▶ What is needed
Among the entries below, one line contains "#67=IFCPOLYGONALFACESET(#66,$,(#60,#61,#62,#63,#64,#65),$);" and another contains "#77=IFCINDEXEDPOLYGONALFACE((5,7,8,6));". Transcribe those two lines and every line between them, exactly.

================================

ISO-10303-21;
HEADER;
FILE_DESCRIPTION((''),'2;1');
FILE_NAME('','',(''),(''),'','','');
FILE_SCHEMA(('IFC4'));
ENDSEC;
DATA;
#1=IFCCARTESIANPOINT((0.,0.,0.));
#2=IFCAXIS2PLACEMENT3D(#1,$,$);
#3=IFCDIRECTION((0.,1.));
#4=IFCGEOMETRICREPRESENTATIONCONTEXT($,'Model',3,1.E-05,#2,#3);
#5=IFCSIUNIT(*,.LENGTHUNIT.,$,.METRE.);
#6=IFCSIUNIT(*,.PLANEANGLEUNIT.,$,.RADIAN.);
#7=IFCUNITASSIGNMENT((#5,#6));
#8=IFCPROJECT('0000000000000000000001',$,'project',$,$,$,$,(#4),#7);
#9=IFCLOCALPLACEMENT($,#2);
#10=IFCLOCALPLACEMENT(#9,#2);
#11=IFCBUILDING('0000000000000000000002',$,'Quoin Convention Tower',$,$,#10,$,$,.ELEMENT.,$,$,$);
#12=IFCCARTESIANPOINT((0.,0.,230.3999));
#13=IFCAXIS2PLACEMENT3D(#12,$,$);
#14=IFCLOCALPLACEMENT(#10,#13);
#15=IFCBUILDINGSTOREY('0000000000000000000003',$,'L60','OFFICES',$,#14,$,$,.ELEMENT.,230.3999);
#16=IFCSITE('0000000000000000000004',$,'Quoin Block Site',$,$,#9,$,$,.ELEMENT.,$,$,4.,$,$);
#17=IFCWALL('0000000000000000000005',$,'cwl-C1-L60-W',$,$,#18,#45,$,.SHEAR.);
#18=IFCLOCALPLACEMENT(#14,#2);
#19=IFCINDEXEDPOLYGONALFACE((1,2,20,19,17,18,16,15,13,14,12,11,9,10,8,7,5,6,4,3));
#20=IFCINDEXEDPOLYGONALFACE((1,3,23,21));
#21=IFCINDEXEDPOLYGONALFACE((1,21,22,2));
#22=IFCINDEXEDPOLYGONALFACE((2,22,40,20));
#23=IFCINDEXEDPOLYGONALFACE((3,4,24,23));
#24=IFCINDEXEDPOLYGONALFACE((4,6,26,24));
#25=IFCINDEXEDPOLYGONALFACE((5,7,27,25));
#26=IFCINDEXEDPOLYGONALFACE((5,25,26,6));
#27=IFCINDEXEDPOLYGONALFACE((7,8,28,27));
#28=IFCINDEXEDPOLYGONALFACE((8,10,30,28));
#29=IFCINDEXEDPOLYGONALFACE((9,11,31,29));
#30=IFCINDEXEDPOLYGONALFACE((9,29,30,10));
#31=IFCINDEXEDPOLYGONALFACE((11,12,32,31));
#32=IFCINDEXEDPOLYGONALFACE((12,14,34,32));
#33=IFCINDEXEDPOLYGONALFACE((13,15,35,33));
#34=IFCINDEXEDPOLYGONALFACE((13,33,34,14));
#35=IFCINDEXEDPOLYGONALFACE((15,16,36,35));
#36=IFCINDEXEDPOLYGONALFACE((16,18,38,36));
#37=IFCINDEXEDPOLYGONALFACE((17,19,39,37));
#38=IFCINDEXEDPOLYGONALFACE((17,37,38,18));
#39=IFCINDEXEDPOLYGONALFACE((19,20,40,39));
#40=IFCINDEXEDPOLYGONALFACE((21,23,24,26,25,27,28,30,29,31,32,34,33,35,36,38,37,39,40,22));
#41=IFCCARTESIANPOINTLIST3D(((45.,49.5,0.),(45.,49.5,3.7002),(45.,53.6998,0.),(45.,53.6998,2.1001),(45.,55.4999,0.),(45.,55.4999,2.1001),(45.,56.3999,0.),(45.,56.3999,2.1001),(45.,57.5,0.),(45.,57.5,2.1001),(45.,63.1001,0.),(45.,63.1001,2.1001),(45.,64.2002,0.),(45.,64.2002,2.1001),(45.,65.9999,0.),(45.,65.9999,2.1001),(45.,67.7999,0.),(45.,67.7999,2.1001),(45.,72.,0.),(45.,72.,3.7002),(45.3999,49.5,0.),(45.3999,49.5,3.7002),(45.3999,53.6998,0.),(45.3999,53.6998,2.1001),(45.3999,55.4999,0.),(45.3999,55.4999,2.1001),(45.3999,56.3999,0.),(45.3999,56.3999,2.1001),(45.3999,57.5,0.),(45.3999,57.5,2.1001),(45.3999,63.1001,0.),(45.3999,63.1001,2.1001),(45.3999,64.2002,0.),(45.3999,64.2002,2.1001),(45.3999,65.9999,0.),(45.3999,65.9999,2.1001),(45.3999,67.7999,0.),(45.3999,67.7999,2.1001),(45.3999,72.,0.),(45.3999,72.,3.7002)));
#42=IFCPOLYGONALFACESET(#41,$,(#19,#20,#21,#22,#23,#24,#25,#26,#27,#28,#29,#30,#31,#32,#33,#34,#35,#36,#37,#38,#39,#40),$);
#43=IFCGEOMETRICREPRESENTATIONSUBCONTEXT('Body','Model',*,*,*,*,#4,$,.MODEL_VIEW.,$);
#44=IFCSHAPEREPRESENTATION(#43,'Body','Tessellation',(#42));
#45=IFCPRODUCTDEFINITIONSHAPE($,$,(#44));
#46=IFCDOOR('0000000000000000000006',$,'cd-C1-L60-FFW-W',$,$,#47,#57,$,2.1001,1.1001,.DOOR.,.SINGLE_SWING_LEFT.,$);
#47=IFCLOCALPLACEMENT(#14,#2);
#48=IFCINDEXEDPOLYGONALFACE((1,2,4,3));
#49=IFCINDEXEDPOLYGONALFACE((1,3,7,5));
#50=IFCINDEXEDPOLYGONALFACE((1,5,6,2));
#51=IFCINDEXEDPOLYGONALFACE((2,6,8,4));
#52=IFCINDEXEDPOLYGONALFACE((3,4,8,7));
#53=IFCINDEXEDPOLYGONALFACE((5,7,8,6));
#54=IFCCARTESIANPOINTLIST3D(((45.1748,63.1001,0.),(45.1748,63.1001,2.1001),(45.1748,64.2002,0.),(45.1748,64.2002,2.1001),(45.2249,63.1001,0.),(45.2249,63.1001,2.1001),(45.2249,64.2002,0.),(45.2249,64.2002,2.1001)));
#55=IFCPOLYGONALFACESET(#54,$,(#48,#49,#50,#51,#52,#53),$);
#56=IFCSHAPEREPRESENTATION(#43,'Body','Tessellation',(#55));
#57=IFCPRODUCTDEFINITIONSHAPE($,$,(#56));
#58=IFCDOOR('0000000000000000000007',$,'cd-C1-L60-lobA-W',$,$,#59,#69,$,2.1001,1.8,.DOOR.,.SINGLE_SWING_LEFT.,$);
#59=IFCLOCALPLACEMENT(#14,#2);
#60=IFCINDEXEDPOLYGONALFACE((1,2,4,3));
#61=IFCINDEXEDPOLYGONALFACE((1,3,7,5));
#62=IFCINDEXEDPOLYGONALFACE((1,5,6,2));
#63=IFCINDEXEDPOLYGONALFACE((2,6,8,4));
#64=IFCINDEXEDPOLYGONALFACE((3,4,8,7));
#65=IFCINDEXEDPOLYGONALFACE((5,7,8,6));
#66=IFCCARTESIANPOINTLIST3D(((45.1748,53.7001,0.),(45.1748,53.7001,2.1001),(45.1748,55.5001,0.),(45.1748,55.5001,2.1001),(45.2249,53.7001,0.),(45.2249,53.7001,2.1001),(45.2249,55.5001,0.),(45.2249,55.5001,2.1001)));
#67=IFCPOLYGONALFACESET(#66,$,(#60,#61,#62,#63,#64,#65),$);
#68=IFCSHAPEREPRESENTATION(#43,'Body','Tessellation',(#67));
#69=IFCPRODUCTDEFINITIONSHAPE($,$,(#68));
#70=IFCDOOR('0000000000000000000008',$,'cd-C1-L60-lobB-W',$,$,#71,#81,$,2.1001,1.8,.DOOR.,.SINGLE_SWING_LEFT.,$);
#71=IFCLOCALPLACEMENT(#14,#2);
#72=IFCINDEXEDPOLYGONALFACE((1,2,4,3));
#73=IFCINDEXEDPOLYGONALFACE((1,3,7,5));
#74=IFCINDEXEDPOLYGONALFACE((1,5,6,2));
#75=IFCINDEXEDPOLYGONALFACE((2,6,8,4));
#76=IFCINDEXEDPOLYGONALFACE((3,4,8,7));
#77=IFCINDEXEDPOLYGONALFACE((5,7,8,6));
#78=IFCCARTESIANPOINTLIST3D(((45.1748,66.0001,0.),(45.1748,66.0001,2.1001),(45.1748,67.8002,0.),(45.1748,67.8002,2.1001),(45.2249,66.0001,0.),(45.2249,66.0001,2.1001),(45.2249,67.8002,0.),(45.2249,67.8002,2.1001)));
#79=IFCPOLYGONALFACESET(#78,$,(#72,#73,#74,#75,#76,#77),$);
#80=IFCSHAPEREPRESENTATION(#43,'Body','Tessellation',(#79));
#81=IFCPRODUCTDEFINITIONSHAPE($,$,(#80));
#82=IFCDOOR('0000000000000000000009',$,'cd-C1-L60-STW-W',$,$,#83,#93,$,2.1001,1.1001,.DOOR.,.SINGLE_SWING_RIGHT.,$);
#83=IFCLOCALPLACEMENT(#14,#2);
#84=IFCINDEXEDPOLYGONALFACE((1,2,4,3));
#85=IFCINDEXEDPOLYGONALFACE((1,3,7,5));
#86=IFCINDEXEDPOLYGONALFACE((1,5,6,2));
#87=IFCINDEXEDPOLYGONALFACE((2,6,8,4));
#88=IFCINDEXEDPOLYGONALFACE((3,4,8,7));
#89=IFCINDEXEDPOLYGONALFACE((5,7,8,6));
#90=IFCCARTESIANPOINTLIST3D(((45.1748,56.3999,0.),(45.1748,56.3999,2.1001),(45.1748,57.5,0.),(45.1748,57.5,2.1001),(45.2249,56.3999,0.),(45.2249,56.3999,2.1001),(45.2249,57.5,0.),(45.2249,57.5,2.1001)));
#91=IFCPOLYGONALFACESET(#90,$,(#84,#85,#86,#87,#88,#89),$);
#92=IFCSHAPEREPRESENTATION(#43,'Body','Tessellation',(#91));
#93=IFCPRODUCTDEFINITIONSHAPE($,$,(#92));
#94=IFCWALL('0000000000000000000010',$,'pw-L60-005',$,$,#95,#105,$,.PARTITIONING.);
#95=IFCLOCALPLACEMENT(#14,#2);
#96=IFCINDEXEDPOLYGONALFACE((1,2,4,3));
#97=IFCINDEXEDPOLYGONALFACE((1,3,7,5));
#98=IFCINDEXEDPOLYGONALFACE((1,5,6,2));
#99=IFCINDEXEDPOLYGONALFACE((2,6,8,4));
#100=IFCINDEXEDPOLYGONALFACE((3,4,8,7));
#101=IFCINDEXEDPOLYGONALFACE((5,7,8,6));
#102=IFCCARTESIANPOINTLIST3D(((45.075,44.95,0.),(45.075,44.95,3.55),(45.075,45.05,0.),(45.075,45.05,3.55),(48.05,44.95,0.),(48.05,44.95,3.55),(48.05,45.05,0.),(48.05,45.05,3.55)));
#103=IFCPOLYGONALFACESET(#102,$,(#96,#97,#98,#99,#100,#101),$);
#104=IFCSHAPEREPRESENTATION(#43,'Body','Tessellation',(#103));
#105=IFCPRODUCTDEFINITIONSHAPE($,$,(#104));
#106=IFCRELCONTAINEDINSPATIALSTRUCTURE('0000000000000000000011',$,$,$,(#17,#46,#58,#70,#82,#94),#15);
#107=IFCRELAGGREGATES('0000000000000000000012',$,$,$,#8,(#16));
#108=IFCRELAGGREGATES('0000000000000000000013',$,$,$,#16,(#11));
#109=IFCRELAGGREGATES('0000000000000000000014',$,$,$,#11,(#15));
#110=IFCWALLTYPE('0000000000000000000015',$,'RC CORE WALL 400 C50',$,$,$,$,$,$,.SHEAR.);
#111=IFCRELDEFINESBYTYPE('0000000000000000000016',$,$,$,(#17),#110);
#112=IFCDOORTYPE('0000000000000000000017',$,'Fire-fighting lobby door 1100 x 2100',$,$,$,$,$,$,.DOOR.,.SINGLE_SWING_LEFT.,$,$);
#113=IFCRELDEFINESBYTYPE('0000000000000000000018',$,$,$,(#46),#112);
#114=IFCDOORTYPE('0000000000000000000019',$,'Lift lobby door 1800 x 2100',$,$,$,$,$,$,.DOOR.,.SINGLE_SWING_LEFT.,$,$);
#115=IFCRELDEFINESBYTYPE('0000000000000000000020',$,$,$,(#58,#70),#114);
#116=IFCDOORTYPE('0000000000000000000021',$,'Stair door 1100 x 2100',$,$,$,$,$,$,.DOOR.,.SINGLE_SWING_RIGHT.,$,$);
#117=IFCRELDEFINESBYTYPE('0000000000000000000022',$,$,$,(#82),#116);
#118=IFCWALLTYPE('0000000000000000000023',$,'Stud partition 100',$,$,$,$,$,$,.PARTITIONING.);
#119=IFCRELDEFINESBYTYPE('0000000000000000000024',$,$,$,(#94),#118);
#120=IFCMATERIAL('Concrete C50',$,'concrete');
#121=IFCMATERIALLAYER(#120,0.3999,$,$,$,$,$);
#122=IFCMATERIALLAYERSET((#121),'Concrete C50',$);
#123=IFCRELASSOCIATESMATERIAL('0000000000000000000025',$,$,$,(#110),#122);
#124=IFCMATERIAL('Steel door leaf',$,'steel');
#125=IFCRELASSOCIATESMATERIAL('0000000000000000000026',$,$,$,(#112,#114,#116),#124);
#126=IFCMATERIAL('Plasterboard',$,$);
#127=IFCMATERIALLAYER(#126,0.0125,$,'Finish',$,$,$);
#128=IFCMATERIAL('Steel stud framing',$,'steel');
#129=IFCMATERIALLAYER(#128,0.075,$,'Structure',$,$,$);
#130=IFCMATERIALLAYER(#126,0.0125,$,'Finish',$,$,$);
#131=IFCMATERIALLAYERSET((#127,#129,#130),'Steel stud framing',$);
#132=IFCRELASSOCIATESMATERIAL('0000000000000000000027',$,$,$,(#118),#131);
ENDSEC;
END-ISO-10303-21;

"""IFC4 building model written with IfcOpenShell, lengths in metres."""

from ifc_helpers import new_model, si_unit, direction, frame, frame_2d, origin, place, context, subcontext, project, spatial, rectangle, extrude, material, layer, layer_set, type_object, element, fill, save


model = new_model("IFC4")

# Units and contexts
model_context = context("Model", 3, precision=1e-05, world=origin(), true_north=direction((0.0, 1.0)))
body_context = subcontext(model_context, "Body", "Model", "MODEL_VIEW")
ifc_project = project(units=[si_unit("LENGTHUNIT", "METRE"), si_unit("PLANEANGLEUNIT", "RADIAN")], contexts=[model_context])

# Site, building, storey
site_placement = place(None, origin())
site = spatial("IfcSite", under=ifc_project, at=site_placement, Name="Quoin Block Site", CompositionType="ELEMENT", RefElevation=4.0)
building_placement = place(site_placement, origin())
building = spatial("IfcBuilding", under=site, at=building_placement, Name="Quoin Convention Tower", CompositionType="ELEMENT")
storey_placement = place(building_placement, frame((0.0, 0.0, 230.3999)))
storey = spatial("IfcBuildingStorey", under=building, at=storey_placement, Name="L60", Description="OFFICES", CompositionType="ELEMENT", Elevation=230.3999)

# Shared definitions
ifc_material_1 = material(Name="Plasterboard")
ifc_material_2 = material(Name="Steel stud framing", Category="steel")
ifc_material_3 = material(Name="Steel door leaf", Category="steel")

# Shared definitions
ifc_material_4 = material(Name="Concrete C50", Category="concrete")
ifc_layer_1 = layer(ifc_material_4, 0.3999)
ifc_layer_set_1 = layer_set([ifc_layer_1], Name="Concrete C50")
wall_type_1 = type_object("IfcWallType", Name="RC CORE WALL 400 C50", PredefinedType="SHEAR", material=ifc_layer_set_1)

# Wall, openings, doors
wall_1_placement = place(storey_placement, frame((45.2, 49.5, 0.0), z_axis=(0.0, 0.0, 1.0), x_axis=(0.0, 1.0, 0.0)))
wall_1 = element("IfcWall", 1, at=wall_1_placement, inside=storey, type_object=wall_type_1, Name="cwl-C1-L60-W", PredefinedType="SHEAR", context=body_context, shape_type="SweptSolid", body=[
    extrude(rectangle(XDim=22.5, YDim=0.3999, at=frame_2d((11.25, 0.0))), origin(), (0.0, 0.0, 1.0), 3.7002),
])
opening_1_placement = place(wall_1_placement, frame((4.2, 0.0, 0.0)))
opening_1 = element("IfcOpeningElement", 2, at=opening_1_placement, cuts=wall_1, PredefinedType="OPENING", context=body_context, shape_type="SweptSolid", body=[
    extrude(rectangle(XDim=1.8, YDim=2.1001, at=frame_2d((0.8999, 1.05))), frame((0.0, 0.21, 0.0), z_axis=(0.0, -1.0, 0.0), x_axis=(1.0, 0.0, 0.0)), (0.0, 0.0, 1.0), 0.4199),
])
opening_2_placement = place(wall_1_placement, frame((6.8999, 0.0, 0.0)))
opening_2 = element("IfcOpeningElement", 3, at=opening_2_placement, cuts=wall_1, PredefinedType="OPENING", context=body_context, shape_type="SweptSolid", body=[
    extrude(rectangle(XDim=1.1001, YDim=2.1001, at=frame_2d((0.55, 1.05))), frame((0.0, 0.21, 0.0), z_axis=(0.0, -1.0, 0.0), x_axis=(1.0, 0.0, 0.0)), (0.0, 0.0, 1.0), 0.4199),
])
opening_3_placement = place(wall_1_placement, frame((13.6001, 0.0, 0.0)))
opening_3 = element("IfcOpeningElement", 4, at=opening_3_placement, cuts=wall_1, PredefinedType="OPENING", context=body_context, shape_type="SweptSolid", body=[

================================

▶ Your solution
#67=IFCPOLYGONALFACESET(#66,$,(#60,#61,#62,#63,#64,#65),$);
#68=IFCSHAPEREPRESENTATION(#43,'Body','Tessellation',(#67));
#69=IFCPRODUCTDEFINITIONSHAPE($,$,(#68));
#70=IFCDOOR('0000000000000000000008',$,'cd-C1-L60-lobB-W',$,$,#71,#81,$,2.1001,1.8,.DOOR.,.SINGLE_SWING_LEFT.,$);
#71=IFCLOCALPLACEMENT(#14,#2);
#72=IFCINDEXEDPOLYGONALFACE((1,2,4,3));
#73=IFCINDEXEDPOLYGONALFACE((1,3,7,5));
#74=IFCINDEXEDPOLYGONALFACE((1,5,6,2));
#75=IFCINDEXEDPOLYGONALFACE((2,6,8,4));
#76=IFCINDEXEDPOLYGONALFACE((3,4,8,7));
#77=IFCINDEXEDPOLYGONALFACE((5,7,8,6));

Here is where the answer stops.